[RECORD SET]
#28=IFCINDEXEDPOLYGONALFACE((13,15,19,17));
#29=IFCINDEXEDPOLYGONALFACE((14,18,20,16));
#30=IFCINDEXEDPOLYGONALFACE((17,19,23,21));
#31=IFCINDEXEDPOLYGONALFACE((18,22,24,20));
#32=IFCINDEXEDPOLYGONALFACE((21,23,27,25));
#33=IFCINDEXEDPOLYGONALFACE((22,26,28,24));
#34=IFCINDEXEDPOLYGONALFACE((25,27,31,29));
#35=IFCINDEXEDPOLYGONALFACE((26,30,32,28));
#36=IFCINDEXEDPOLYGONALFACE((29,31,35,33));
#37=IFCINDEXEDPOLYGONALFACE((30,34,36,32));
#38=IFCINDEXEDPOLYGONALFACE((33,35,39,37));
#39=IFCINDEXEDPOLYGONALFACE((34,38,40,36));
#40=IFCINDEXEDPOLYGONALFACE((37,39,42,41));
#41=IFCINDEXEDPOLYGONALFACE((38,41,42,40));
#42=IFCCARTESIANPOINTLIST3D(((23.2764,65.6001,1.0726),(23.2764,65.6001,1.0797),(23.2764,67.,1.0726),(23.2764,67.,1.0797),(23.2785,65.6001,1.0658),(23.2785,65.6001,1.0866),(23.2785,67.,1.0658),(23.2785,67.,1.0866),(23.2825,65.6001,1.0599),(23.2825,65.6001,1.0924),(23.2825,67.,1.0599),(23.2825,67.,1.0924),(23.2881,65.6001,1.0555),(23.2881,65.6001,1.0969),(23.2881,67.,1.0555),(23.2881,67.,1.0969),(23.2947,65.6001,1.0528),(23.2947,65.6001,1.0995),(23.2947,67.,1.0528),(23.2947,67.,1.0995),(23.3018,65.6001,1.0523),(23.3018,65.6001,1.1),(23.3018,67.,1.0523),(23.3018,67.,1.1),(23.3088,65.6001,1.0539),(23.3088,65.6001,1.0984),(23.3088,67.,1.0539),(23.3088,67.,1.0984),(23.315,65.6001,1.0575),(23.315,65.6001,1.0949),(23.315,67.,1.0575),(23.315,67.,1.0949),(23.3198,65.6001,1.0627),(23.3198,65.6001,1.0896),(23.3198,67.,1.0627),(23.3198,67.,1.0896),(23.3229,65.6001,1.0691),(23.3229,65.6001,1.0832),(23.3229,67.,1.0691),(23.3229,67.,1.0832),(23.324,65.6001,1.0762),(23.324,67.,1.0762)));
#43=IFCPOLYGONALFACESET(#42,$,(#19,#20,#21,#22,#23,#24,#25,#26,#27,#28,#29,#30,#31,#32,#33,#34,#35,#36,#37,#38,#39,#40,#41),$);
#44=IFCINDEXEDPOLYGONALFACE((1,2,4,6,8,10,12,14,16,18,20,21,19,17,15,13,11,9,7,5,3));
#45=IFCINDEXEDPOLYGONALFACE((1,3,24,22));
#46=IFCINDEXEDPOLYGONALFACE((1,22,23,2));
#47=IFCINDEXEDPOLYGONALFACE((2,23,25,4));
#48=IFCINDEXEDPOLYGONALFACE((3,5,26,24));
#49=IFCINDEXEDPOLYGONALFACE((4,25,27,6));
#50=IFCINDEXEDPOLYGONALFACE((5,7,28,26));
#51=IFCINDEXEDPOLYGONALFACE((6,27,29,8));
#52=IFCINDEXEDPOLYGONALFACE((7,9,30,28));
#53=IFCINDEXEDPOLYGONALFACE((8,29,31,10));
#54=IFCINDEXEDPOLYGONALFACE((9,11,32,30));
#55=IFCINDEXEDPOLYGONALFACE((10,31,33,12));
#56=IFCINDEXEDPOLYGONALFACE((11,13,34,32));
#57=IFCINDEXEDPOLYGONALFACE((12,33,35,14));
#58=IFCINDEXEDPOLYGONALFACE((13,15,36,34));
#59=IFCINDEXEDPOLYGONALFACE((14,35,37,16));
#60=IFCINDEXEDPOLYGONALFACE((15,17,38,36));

[TASK PROMPT]
Using the data above, extract exactly the lines from the one that holds "#36=IFCINDEXEDPOLYGONALFACE((29,31,35,33));" to the one that holds "#41=IFCINDEXEDPOLYGONALFACE((38,41,42,40));", both ends included, and no others.

[SOLUTION FOR THIS TASK]
#36=IFCINDEXEDPOLYGONALFACE((29,31,35,33));
#37=IFCINDEXEDPOLYGONALFACE((30,34,36,32));
#38=IFCINDEXEDPOLYGONALFACE((33,35,39,37));
#39=IFCINDEXEDPOLYGONALFACE((34,38,40,36));
#40=IFCINDEXEDPOLYGONALFACE((37,39,42,41));
#41=IFCINDEXEDPOLYGONALFACE((38,41,42,40));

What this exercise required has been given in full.